What you will do
Exactly how many lines below mention "frame"? Answer with that number alone.

[Saved entries]

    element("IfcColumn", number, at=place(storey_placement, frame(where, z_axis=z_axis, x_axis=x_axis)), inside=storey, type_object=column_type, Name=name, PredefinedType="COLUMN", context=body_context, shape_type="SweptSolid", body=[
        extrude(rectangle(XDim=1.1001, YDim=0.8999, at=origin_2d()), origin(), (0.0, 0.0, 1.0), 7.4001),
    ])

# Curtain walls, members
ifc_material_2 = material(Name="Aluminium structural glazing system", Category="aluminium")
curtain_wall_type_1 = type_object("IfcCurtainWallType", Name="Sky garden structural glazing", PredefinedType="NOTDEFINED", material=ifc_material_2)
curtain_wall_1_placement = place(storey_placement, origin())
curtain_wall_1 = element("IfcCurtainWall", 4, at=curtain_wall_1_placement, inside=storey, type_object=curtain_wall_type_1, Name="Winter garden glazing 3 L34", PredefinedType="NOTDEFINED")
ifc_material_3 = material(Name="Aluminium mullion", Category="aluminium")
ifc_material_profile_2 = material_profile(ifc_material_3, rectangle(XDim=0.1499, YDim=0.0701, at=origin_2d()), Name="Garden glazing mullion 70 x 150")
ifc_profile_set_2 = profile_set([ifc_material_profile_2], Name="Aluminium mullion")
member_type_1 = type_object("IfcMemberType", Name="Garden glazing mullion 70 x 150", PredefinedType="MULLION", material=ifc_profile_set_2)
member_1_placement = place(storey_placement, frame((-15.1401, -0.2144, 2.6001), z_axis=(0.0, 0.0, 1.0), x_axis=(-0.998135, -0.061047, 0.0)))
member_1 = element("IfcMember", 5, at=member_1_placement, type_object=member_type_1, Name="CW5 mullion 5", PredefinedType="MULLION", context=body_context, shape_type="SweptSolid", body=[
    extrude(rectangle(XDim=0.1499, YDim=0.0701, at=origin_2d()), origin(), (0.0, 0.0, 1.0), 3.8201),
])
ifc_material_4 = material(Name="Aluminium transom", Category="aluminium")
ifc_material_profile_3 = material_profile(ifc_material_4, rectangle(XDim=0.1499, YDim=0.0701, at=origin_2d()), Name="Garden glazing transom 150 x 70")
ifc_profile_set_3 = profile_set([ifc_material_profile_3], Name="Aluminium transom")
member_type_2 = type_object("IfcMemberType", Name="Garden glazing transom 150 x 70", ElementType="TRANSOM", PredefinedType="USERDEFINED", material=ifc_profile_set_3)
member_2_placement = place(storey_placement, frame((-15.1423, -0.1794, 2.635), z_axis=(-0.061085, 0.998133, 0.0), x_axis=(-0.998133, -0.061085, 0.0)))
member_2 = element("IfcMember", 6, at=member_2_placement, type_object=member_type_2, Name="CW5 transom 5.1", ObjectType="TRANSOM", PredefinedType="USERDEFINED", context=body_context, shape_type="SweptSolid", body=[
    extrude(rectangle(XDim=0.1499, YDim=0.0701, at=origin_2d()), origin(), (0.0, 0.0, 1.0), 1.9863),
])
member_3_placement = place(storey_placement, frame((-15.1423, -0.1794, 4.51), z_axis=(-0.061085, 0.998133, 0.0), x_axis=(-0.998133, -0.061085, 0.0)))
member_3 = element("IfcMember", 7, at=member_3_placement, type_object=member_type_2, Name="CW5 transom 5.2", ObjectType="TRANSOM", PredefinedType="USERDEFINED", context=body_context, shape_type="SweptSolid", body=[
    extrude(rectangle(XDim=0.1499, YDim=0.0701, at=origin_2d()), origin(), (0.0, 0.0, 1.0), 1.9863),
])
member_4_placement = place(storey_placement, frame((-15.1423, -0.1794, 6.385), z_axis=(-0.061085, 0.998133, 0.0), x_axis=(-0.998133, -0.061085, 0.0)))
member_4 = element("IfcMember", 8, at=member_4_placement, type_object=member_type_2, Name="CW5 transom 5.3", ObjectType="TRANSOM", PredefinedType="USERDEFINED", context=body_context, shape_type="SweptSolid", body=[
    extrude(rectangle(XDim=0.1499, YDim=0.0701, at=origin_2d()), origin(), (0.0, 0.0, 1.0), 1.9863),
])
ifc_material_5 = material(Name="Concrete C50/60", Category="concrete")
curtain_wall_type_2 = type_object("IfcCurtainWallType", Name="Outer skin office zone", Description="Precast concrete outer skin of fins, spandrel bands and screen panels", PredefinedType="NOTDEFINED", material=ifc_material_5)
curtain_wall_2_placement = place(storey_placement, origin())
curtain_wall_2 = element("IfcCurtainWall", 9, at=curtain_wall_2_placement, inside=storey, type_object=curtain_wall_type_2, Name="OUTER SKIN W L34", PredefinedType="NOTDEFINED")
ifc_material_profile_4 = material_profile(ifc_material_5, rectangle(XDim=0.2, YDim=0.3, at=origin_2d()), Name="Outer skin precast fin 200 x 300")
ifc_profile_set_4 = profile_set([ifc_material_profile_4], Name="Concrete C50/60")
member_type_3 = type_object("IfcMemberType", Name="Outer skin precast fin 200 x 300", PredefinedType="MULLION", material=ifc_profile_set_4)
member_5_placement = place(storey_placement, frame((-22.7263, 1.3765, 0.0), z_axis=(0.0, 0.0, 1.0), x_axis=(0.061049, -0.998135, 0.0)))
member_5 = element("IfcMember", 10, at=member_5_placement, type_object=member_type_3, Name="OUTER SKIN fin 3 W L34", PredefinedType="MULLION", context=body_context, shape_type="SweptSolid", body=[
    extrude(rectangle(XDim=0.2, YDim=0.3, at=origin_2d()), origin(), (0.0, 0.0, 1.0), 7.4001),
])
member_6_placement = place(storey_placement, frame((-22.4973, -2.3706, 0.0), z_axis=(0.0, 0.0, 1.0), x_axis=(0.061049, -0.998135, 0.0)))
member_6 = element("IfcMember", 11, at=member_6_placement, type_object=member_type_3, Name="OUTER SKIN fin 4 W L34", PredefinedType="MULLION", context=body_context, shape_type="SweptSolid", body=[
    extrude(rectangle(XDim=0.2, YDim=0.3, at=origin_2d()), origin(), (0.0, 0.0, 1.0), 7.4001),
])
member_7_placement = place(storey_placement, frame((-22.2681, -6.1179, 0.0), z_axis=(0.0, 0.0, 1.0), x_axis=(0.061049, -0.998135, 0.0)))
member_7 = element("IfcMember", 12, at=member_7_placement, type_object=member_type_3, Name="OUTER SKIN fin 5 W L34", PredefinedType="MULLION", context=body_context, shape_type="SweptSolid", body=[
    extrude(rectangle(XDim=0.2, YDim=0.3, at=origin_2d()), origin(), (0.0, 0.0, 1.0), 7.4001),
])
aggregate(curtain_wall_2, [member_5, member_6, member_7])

Your response
8